- DIRECTIONS -
Give back every line of the data below exactly.

- DATA PROVIDED -

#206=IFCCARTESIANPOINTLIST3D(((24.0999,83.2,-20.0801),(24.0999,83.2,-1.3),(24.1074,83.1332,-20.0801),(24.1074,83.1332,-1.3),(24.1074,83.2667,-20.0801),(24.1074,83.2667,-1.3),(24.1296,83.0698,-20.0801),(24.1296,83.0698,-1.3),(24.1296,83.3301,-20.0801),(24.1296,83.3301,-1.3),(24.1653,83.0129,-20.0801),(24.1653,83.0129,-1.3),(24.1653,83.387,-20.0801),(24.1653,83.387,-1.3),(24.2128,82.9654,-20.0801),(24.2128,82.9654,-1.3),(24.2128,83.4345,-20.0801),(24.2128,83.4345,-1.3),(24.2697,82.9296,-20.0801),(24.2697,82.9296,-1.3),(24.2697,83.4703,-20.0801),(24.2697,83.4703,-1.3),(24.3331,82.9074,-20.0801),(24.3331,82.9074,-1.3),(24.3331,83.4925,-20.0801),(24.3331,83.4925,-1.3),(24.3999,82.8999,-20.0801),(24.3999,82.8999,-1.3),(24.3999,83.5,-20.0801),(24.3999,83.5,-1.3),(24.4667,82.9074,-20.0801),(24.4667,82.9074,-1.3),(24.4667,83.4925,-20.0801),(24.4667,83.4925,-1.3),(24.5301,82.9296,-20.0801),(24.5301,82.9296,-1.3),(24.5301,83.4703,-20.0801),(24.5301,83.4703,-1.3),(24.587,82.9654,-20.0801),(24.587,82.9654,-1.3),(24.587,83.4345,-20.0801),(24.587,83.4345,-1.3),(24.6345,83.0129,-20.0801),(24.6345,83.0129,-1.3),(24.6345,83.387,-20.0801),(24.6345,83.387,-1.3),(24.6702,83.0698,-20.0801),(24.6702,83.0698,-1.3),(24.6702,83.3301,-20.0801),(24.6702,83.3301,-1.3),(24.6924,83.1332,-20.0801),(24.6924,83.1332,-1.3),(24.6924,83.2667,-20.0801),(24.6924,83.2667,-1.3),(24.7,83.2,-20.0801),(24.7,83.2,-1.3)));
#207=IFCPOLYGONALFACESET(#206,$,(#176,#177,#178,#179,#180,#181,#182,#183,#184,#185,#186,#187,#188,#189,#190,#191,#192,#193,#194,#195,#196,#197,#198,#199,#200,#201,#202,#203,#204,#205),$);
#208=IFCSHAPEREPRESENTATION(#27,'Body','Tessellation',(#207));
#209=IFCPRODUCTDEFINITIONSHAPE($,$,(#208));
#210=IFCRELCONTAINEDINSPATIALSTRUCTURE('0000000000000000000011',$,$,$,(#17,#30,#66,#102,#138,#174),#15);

- ANSWER TO THIS EXERCISE -
#206=IFCCARTESIANPOINTLIST3D(((24.0999,83.2,-20.0801),(24.0999,83.2,-1.3),(24.1074,83.1332,-20.0801),(24.1074,83.1332,-1.3),(24.1074,83.2667,-20.0801),(24.1074,83.2667,-1.3),(24.1296,83.0698,-20.0801),(24.1296,83.0698,-1.3),(24.1296,83.3301,-20.0801),(24.1296,83.3301,-1.3),(24.1653,83.0129,-20.0801),(24.1653,83.0129,-1.3),(24.1653,83.387,-20.0801),(24.1653,83.387,-1.3),(24.2128,82.9654,-20.0801),(24.2128,82.9654,-1.3),(24.2128,83.4345,-20.0801),(24.2128,83.4345,-1.3),(24.2697,82.9296,-20.0801),(24.2697,82.9296,-1.3),(24.2697,83.4703,-20.0801),(24.2697,83.4703,-1.3),(24.3331,82.9074,-20.0801),(24.3331,82.9074,-1.3),(24.3331,83.4925,-20.0801),(24.3331,83.4925,-1.3),(24.3999,82.8999,-20.0801),(24.3999,82.8999,-1.3),(24.3999,83.5,-20.0801),(24.3999,83.5,-1.3),(24.4667,82.9074,-20.0801),(24.4667,82.9074,-1.3),(24.4667,83.4925,-20.0801),(24.4667,83.4925,-1.3),(24.5301,82.9296,-20.0801),(24.5301,82.9296,-1.3),(24.5301,83.4703,-20.0801),(24.5301,83.4703,-1.3),(24.587,82.9654,-20.0801),(24.587,82.9654,-1.3),(24.587,83.4345,-20.0801),(24.587,83.4345,-1.3),(24.6345,83.0129,-20.0801),(24.6345,83.0129,-1.3),(24.6345,83.387,-20.0801),(24.6345,83.387,-1.3),(24.6702,83.0698,-20.0801),(24.6702,83.0698,-1.3),(24.6702,83.3301,-20.0801),(24.6702,83.3301,-1.3),(24.6924,83.1332,-20.0801),(24.6924,83.1332,-1.3),(24.6924,83.2667,-20.0801),(24.6924,83.2667,-1.3),(24.7,83.2,-20.0801),(24.7,83.2,-1.3)));
#207=IFCPOLYGONALFACESET(#206,$,(#176,#177,#178,#179,#180,#181,#182,#183,#184,#185,#186,#187,#188,#189,#190,#191,#192,#193,#194,#195,#196,#197,#198,#199,#200,#201,#202,#203,#204,#205),$);
#208=IFCSHAPEREPRESENTATION(#27,'Body','Tessellation',(#207));
#209=IFCPRODUCTDEFINITIONSHAPE($,$,(#208));
#210=IFCRELCONTAINEDINSPATIALSTRUCTURE('0000000000000000000011',$,$,$,(#17,#30,#66,#102,#138,#174),#15);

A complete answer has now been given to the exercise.